> [Input]

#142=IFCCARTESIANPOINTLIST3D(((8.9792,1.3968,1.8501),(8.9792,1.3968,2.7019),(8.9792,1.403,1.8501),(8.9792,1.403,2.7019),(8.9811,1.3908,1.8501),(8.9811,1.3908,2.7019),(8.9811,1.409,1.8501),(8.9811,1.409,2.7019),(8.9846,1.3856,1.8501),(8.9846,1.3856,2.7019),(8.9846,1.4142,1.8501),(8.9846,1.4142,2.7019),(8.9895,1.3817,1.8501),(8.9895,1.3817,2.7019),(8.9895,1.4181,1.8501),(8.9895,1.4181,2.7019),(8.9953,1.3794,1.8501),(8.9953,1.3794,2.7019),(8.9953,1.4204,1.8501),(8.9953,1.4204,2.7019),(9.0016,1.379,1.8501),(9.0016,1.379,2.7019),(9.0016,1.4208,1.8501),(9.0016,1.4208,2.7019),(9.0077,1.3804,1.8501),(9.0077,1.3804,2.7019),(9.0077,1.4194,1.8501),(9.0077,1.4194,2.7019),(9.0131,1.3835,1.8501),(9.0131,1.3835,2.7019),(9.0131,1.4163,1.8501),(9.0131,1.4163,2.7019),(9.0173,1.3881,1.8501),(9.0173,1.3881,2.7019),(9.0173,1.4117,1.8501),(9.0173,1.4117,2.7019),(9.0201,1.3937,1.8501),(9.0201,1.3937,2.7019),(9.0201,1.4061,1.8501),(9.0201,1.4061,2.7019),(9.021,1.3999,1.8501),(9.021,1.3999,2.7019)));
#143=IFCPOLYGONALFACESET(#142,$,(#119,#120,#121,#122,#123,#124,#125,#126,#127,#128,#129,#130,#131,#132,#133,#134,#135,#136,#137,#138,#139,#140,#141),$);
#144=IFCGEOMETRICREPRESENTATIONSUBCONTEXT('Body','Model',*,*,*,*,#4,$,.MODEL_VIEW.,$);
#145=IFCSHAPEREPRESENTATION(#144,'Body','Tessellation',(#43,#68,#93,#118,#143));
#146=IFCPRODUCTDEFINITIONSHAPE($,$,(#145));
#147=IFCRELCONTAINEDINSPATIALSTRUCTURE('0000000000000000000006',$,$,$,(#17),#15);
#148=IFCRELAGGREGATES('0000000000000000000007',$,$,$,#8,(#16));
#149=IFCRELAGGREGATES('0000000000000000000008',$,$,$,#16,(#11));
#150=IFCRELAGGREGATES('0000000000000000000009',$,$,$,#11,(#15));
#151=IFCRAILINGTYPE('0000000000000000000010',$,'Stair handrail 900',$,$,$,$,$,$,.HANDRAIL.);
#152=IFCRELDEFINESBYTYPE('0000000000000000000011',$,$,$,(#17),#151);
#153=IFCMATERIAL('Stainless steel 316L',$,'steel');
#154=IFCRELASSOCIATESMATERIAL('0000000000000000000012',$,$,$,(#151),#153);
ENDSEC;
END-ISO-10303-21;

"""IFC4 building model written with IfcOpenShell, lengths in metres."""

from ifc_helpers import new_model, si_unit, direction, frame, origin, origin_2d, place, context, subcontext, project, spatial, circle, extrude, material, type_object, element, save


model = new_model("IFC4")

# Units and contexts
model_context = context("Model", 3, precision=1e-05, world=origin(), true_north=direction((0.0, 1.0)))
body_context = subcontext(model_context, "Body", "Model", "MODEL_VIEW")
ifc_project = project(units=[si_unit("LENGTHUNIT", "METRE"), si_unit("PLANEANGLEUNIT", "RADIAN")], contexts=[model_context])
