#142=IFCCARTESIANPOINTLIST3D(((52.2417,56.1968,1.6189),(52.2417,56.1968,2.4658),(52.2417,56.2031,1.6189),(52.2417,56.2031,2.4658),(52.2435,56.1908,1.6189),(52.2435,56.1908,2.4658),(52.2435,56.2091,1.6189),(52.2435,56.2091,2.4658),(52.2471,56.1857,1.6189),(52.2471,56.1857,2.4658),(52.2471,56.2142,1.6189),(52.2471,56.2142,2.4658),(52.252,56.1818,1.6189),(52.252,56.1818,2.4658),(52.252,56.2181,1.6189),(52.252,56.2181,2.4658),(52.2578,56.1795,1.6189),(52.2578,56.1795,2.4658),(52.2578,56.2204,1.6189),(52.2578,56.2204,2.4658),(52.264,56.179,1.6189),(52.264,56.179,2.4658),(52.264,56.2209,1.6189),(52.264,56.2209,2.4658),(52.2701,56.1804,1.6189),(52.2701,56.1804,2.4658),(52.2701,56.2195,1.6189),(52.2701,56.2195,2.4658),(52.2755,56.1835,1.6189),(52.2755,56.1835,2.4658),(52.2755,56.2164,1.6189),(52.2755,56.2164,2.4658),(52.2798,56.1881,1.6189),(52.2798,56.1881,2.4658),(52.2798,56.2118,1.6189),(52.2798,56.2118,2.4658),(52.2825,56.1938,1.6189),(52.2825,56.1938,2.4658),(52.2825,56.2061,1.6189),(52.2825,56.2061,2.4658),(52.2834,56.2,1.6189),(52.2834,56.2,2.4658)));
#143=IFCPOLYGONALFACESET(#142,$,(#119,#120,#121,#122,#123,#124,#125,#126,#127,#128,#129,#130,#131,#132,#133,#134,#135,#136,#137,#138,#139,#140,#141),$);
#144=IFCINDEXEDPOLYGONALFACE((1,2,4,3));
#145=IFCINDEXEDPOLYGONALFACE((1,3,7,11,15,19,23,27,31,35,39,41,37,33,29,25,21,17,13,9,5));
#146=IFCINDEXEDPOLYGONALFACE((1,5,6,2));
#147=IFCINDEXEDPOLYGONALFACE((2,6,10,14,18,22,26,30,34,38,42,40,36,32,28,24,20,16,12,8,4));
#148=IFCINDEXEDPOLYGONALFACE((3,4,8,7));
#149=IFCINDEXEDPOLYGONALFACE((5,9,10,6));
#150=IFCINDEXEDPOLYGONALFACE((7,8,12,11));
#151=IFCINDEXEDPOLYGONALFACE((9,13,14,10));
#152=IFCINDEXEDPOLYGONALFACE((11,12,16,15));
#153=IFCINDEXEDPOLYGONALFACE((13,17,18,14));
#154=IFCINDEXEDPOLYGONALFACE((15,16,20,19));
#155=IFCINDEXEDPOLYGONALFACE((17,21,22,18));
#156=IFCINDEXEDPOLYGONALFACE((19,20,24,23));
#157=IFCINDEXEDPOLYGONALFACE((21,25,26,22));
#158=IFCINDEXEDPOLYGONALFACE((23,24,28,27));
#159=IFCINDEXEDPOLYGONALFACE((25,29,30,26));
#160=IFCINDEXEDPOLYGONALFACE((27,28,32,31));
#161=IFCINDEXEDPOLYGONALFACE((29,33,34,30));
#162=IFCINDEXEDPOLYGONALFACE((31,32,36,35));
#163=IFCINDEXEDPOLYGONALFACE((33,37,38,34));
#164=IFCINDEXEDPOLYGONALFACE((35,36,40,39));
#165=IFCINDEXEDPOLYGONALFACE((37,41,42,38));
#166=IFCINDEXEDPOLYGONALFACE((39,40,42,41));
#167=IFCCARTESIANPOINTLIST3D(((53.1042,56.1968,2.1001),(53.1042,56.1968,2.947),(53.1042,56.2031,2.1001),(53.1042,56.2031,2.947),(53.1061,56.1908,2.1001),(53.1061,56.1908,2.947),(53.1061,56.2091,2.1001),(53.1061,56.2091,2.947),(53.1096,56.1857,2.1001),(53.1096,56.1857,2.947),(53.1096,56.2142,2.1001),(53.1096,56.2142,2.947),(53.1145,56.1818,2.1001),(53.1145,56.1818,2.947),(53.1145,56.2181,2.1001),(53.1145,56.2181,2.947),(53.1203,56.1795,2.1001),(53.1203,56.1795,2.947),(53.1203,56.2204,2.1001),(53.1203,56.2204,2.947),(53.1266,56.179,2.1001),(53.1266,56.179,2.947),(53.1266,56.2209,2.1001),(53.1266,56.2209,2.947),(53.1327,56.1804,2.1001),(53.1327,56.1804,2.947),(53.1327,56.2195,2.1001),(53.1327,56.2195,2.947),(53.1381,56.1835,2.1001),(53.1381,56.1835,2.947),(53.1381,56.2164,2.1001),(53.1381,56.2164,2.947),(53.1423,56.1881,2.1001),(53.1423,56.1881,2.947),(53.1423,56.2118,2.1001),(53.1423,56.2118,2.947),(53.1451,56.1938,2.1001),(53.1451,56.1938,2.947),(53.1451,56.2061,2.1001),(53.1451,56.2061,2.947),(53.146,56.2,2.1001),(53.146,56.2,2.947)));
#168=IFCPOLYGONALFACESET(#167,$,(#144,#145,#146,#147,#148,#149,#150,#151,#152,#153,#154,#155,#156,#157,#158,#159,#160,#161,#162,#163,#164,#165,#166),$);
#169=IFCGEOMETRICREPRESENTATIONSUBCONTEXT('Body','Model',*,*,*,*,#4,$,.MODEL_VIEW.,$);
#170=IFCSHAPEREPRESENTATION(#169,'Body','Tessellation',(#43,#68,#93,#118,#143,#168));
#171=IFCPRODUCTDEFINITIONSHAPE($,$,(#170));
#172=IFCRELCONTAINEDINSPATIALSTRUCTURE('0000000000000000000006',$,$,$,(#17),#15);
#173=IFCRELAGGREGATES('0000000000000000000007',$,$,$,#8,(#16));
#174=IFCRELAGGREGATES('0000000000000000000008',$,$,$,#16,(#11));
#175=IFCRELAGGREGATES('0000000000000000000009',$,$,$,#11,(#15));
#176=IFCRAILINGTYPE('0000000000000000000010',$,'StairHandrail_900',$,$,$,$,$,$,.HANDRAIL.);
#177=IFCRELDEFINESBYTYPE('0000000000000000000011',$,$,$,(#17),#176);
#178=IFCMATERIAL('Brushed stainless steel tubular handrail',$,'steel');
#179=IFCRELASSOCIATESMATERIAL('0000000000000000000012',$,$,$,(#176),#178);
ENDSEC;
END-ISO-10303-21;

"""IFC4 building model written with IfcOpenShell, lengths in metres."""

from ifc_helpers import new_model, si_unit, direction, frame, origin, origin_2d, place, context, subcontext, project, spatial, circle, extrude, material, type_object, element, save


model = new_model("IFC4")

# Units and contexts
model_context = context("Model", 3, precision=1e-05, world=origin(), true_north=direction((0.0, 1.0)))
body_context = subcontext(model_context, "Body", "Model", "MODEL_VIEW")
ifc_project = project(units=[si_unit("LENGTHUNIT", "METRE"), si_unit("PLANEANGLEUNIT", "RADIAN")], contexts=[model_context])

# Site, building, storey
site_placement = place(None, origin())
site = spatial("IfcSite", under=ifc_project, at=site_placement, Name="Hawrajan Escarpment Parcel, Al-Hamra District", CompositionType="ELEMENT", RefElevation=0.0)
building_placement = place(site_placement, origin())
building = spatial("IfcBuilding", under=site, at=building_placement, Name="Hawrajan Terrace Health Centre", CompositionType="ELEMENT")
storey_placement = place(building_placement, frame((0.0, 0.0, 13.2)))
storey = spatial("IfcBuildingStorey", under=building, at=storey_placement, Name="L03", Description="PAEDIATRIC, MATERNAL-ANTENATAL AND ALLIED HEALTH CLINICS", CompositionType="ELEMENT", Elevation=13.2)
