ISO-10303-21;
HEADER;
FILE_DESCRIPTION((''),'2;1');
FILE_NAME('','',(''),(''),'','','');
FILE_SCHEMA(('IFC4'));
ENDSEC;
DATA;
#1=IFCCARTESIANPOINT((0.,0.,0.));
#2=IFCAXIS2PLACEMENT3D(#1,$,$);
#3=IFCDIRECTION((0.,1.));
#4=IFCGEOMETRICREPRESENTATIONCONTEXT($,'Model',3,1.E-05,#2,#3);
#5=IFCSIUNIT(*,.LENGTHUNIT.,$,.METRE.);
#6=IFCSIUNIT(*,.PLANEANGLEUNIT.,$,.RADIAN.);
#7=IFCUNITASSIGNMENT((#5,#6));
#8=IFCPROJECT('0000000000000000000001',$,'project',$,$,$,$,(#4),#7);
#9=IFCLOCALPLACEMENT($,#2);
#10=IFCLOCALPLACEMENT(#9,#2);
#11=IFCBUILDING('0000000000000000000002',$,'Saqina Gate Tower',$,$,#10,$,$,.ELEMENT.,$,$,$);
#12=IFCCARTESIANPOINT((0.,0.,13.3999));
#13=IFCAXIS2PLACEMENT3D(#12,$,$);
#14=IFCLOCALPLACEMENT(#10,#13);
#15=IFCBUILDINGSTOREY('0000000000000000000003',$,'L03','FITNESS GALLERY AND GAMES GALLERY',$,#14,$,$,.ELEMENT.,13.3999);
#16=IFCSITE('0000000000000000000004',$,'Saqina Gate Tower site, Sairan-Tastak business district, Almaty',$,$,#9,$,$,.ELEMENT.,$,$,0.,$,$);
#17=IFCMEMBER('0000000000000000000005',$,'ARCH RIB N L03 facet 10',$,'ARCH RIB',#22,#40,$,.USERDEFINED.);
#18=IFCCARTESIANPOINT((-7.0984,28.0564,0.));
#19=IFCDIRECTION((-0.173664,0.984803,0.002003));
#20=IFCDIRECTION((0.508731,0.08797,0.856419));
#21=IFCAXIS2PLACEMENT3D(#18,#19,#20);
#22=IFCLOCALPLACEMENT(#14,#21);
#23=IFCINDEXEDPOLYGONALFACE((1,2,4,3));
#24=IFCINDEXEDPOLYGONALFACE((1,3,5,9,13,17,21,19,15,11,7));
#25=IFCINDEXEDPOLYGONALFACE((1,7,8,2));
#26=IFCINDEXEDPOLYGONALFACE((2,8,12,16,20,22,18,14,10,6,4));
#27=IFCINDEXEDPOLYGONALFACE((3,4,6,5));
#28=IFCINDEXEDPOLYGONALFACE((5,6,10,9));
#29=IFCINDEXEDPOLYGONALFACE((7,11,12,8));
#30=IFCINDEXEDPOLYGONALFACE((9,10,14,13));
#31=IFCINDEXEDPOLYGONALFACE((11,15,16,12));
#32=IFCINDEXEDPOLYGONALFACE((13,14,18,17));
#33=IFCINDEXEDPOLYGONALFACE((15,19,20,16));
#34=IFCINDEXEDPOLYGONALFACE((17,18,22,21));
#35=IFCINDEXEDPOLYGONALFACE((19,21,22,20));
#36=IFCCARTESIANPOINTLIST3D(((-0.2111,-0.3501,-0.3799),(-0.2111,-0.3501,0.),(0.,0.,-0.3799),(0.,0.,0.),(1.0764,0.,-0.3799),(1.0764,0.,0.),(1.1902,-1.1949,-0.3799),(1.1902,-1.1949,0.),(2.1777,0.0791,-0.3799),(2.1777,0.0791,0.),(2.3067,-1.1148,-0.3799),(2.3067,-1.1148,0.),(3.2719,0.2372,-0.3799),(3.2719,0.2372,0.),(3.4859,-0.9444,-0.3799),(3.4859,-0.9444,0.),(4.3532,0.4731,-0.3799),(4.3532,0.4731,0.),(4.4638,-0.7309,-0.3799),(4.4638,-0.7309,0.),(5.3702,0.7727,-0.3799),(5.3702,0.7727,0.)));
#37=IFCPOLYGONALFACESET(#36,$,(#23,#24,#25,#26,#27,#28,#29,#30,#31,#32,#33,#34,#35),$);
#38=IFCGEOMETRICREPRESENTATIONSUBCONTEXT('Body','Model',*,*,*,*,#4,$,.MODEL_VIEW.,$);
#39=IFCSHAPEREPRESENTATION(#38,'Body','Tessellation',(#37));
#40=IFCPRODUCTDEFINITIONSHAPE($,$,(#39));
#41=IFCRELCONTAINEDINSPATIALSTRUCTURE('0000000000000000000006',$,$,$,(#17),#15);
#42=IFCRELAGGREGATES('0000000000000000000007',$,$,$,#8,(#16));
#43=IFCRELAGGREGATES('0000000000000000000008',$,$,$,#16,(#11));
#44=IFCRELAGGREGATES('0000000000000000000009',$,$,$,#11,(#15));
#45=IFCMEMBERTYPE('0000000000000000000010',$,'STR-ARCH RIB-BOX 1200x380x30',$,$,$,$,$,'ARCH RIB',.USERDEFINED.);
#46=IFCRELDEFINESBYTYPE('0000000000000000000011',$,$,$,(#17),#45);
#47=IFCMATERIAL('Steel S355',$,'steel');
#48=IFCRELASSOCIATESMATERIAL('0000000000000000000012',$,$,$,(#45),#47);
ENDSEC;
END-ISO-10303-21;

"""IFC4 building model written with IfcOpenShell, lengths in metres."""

from ifc_helpers import new_model, si_unit, direction, frame, origin, origin_2d, place, context, subcontext, project, spatial, polyline, hollow_rectangle, outline, extrude, material, material_profile, profile_set, type_object, element, save


model = new_model("IFC4")

# Units and contexts
model_context = context("Model", 3, precision=1e-05, world=origin(), true_north=direction((0.0, 1.0)))
body_context = subcontext(model_context, "Body", "Model", "MODEL_VIEW")
ifc_project = project(units=[si_unit("LENGTHUNIT", "METRE"), si_unit("PLANEANGLEUNIT", "RADIAN")], contexts=[model_context])

# Site, building, storey
site_placement = place(None, origin())
site = spatial("IfcSite", under=ifc_project, at=site_placement, Name="Saqina Gate Tower site, Sairan-Tastak business district, Almaty", CompositionType="ELEMENT", RefElevation=0.0)
building_placement = place(site_placement, origin())
building = spatial("IfcBuilding", under=site, at=building_placement, Name="Saqina Gate Tower", CompositionType="ELEMENT")
storey_placement = place(building_placement, frame((0.0, 0.0, 13.3999)))
storey = spatial("IfcBuildingStorey", under=building, at=storey_placement, Name="L03", Description="FITNESS GALLERY AND GAMES GALLERY", CompositionType="ELEMENT", Elevation=13.3999)

# Member
ifc_material_1 = material(Name="Steel S355", Category="steel")
ifc_material_profile_1 = material_profile(ifc_material_1, hollow_rectangle(XDim=1.2, YDim=0.3799, WallThickness=0.03, at=origin_2d()), Name="BOX 1200x380x30")
ifc_profile_set_1 = profile_set([ifc_material_profile_1], Name="Steel S355")
member_type_1 = type_object("IfcMemberType", Name="STR-ARCH RIB-BOX 1200x380x30", ElementType="ARCH RIB", PredefinedType="USERDEFINED", material=ifc_profile_set_1)
member_1_placement = place(storey_placement, frame((-7.0984, 28.0564, 0.0), z_axis=(-0.173664, 0.984803, 0.002003), x_axis=(0.508731, 0.08797, 0.856419)))
element("IfcMember", 1, at=member_1_placement, inside=storey, type_object=member_type_1, Name="ARCH RIB N L03 facet 10", ObjectType="ARCH RIB", PredefinedType="USERDEFINED", context=body_context, shape_type="SweptSolid", body=[
    extrude(outline(polyline([(0.0, 0.0), (1.0764, 0.0), (2.1777, 0.0791), (3.2719, 0.2372), (4.3532, 0.4731), (5.3702, 0.7727), (4.4638, -0.7309), (3.4859, -0.9444), (2.3067, -1.1148), (1.1902, -1.1949), (-0.2111, -0.3501), (0.0, 0.0)])), origin(), (0.0, 0.0, -1.0), 0.3799),
])

save(model, "model.ifc")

> [Task requirements] Only the lines above starting at the one containing "FILE_SCHEMA(('IFC4'));" and ending at the one containing "#20=IFCDIRECTION((0.508731,0.08797,0.856419));", both included, are to be returned, exactly as they read.

> [The completed task]
FILE_SCHEMA(('IFC4'));
ENDSEC;
DATA;
#1=IFCCARTESIANPOINT((0.,0.,0.));
#2=IFCAXIS2PLACEMENT3D(#1,$,$);
#3=IFCDIRECTION((0.,1.));
#4=IFCGEOMETRICREPRESENTATIONCONTEXT($,'Model',3,1.E-05,#2,#3);
#5=IFCSIUNIT(*,.LENGTHUNIT.,$,.METRE.);
#6=IFCSIUNIT(*,.PLANEANGLEUNIT.,$,.RADIAN.);
#7=IFCUNITASSIGNMENT((#5,#6));
#8=IFCPROJECT('0000000000000000000001',$,'project',$,$,$,$,(#4),#7);
#9=IFCLOCALPLACEMENT($,#2);
#10=IFCLOCALPLACEMENT(#9,#2);
#11=IFCBUILDING('0000000000000000000002',$,'Saqina Gate Tower',$,$,#10,$,$,.ELEMENT.,$,$,$);
#12=IFCCARTESIANPOINT((0.,0.,13.3999));
#13=IFCAXIS2PLACEMENT3D(#12,$,$);
#14=IFCLOCALPLACEMENT(#10,#13);
#15=IFCBUILDINGSTOREY('0000000000000000000003',$,'L03','FITNESS GALLERY AND GAMES GALLERY',$,#14,$,$,.ELEMENT.,13.3999);
#16=IFCSITE('0000000000000000000004',$,'Saqina Gate Tower site, Sairan-Tastak business district, Almaty',$,$,#9,$,$,.ELEMENT.,$,$,0.,$,$);
#17=IFCMEMBER('0000000000000000000005',$,'ARCH RIB N L03 facet 10',$,'ARCH RIB',#22,#40,$,.USERDEFINED.);
#18=IFCCARTESIANPOINT((-7.0984,28.0564,0.));
#19=IFCDIRECTION((-0.173664,0.984803,0.002003));
#20=IFCDIRECTION((0.508731,0.08797,0.856419));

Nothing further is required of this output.